- Collected data entries
________

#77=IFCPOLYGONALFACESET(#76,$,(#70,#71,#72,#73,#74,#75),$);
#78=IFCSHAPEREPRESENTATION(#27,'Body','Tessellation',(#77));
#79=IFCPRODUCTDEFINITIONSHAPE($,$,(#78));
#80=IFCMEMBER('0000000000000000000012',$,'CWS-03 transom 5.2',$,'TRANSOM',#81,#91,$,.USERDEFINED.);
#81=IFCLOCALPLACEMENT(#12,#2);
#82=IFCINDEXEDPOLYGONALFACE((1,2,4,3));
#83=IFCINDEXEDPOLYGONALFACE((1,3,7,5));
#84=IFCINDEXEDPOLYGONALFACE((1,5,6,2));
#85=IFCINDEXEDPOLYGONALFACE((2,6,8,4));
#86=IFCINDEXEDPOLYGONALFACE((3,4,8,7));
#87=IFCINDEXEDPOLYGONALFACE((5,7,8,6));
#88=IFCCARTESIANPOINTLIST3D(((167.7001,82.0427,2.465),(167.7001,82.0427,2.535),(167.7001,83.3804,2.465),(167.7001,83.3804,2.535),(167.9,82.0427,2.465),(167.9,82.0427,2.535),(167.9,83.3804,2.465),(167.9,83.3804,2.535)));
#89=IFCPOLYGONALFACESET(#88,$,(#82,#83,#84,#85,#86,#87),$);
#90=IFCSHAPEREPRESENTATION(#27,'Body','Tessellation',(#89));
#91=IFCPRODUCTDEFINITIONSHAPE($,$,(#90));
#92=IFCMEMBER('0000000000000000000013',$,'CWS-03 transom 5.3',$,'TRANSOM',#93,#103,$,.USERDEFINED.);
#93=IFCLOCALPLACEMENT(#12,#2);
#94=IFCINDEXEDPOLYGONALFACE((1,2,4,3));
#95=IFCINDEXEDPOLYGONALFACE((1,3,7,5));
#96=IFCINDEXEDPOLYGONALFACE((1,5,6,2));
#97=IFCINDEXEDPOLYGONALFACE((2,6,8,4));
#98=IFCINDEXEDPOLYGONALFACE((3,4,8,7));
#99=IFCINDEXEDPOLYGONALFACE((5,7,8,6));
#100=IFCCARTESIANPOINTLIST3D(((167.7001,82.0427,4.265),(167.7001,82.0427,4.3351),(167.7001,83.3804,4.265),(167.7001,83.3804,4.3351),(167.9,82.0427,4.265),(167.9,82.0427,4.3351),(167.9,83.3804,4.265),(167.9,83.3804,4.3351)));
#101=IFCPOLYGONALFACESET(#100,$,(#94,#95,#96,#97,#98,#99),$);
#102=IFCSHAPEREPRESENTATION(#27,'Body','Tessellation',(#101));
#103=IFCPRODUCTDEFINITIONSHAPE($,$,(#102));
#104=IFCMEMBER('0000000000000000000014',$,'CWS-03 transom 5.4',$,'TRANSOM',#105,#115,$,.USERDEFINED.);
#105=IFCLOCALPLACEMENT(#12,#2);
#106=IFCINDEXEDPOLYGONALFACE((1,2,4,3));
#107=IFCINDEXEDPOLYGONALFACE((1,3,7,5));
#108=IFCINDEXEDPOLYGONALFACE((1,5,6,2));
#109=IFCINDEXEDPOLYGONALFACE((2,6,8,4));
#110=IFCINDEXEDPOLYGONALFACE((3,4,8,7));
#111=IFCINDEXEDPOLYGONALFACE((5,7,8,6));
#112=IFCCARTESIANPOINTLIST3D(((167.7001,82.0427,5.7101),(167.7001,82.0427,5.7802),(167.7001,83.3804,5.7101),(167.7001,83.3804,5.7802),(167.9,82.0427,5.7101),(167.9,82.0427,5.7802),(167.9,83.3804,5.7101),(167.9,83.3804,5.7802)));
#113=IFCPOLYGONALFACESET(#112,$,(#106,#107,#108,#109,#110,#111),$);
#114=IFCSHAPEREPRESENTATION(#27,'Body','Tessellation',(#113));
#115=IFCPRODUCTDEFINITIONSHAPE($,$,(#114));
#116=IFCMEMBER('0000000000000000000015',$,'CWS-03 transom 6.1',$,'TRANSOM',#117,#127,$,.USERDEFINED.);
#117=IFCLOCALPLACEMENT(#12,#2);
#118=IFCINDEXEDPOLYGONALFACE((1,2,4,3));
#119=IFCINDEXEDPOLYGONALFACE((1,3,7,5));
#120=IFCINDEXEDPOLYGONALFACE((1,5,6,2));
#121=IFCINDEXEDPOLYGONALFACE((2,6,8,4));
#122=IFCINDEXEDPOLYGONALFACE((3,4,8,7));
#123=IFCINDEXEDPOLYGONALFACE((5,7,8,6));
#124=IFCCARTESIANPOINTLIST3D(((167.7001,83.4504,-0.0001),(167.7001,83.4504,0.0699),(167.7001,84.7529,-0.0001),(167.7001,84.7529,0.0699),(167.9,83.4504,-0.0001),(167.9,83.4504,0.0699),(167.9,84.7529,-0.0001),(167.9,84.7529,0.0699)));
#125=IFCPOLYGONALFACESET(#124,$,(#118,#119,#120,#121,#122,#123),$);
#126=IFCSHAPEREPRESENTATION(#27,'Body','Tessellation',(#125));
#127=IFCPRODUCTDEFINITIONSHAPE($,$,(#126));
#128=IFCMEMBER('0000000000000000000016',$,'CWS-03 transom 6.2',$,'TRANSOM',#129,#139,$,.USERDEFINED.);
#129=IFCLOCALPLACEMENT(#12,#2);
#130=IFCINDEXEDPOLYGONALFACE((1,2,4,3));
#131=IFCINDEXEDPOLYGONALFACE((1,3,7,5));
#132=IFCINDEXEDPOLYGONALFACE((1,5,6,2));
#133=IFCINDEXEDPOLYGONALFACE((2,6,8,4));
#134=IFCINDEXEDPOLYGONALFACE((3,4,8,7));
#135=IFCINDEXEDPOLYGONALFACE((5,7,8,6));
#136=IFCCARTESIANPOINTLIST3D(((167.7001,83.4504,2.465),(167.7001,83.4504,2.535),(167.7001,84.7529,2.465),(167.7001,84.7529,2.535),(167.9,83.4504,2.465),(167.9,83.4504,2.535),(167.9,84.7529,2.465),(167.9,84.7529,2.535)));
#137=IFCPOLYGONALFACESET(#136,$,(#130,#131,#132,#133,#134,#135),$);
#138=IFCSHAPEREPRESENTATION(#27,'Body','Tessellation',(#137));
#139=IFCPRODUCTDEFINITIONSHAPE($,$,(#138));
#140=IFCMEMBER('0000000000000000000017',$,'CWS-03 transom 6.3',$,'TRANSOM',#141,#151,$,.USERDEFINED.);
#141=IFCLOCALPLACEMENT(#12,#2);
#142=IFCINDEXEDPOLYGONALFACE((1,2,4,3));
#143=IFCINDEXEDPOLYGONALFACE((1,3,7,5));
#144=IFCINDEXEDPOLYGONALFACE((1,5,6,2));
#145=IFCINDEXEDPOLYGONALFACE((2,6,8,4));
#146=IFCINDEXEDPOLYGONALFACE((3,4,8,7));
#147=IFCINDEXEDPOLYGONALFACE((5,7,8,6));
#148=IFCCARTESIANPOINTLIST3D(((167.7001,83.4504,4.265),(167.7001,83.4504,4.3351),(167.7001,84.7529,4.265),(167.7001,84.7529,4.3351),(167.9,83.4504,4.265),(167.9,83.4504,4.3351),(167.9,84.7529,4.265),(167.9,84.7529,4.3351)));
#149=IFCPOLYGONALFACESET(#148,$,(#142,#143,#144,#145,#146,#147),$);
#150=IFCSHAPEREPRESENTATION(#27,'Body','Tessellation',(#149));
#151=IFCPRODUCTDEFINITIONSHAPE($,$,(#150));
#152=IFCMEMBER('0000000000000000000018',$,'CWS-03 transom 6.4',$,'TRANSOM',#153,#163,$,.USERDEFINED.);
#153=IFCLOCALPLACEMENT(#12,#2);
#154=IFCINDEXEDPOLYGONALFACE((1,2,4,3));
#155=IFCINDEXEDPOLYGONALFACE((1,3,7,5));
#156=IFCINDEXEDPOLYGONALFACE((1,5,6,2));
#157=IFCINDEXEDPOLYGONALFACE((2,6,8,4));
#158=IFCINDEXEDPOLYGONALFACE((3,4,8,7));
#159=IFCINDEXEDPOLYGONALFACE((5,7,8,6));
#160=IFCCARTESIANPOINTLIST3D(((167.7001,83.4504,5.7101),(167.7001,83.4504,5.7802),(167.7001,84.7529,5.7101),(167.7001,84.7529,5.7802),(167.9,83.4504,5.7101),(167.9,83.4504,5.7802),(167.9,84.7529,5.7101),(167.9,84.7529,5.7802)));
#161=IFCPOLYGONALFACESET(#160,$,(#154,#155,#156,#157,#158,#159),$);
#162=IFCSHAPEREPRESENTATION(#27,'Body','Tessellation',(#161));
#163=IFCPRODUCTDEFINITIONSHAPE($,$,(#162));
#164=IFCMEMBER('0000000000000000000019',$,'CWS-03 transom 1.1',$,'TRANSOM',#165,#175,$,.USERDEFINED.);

________

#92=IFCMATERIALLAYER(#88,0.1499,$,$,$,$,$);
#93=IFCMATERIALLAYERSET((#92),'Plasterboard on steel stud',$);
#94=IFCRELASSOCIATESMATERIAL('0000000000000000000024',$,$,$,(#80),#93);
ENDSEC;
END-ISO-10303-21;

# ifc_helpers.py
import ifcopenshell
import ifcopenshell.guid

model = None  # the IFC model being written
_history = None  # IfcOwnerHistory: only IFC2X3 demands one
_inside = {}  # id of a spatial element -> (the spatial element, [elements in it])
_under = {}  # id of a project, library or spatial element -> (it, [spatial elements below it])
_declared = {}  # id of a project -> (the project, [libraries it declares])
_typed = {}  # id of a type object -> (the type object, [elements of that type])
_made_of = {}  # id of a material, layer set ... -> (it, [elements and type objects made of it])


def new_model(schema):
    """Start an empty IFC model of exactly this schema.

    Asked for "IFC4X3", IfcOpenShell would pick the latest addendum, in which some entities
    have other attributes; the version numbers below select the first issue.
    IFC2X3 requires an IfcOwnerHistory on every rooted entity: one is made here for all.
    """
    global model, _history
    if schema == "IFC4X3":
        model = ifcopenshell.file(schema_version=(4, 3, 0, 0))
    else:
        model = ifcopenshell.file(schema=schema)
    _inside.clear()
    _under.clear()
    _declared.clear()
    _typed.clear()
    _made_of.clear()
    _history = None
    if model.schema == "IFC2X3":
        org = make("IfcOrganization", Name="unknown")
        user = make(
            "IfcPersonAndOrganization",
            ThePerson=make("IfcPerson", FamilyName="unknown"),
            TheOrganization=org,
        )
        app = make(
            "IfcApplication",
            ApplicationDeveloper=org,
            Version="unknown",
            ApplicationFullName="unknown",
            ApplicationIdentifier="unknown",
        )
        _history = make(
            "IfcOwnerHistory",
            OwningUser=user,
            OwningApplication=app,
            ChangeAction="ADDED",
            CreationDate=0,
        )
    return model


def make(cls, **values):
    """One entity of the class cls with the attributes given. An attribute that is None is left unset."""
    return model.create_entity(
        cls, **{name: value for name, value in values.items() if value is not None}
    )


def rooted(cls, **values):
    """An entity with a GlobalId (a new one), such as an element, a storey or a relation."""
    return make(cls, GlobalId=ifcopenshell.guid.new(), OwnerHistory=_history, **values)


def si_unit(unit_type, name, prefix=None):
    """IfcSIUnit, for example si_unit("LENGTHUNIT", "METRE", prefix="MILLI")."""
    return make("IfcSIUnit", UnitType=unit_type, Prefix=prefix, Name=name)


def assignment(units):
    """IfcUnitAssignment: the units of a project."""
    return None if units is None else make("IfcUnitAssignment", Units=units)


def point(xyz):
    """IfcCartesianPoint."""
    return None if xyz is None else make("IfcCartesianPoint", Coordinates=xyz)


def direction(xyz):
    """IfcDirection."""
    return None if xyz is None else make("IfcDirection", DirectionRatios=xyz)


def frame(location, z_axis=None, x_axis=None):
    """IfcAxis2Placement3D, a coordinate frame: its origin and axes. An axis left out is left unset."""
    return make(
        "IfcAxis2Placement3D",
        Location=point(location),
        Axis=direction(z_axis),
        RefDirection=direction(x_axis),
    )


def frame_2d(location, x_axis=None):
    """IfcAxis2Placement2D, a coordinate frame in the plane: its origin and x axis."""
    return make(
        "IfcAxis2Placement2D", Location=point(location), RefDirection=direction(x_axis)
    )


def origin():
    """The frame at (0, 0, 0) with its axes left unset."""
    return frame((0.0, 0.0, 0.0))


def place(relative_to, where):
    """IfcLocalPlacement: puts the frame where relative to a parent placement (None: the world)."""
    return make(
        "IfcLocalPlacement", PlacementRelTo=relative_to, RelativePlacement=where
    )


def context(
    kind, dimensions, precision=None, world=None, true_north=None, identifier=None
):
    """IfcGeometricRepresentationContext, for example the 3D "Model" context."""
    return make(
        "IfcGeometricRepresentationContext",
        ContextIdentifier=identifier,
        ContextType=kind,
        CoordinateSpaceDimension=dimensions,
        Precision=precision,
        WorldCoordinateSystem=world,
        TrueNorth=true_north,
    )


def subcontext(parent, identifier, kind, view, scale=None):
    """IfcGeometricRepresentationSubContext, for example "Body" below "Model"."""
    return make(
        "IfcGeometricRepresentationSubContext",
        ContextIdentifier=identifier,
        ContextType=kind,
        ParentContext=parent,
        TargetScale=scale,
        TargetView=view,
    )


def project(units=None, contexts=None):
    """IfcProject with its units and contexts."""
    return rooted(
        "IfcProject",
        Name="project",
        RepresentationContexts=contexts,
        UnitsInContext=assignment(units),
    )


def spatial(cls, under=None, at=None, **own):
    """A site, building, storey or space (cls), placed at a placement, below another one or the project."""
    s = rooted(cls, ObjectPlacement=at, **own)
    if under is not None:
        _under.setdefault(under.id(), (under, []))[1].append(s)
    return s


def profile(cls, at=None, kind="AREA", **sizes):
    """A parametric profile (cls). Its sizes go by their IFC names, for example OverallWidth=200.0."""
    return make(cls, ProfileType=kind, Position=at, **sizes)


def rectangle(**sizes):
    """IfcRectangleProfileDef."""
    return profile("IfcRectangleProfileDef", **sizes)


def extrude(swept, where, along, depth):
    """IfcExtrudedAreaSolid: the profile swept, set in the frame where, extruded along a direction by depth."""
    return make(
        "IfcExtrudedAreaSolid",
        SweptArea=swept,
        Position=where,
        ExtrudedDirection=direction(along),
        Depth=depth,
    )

________

- Assignment
The required output is every line above from the one with "#95=IFCINDEXEDPOLYGONALFACE((1,3,7,5));" down to the one with "#99=IFCINDEXEDPOLYGONALFACE((5,7,8,6));", restated word for word, ends included.

- Solution
#95=IFCINDEXEDPOLYGONALFACE((1,3,7,5));
#96=IFCINDEXEDPOLYGONALFACE((1,5,6,2));
#97=IFCINDEXEDPOLYGONALFACE((2,6,8,4));
#98=IFCINDEXEDPOLYGONALFACE((3,4,8,7));
#99=IFCINDEXEDPOLYGONALFACE((5,7,8,6));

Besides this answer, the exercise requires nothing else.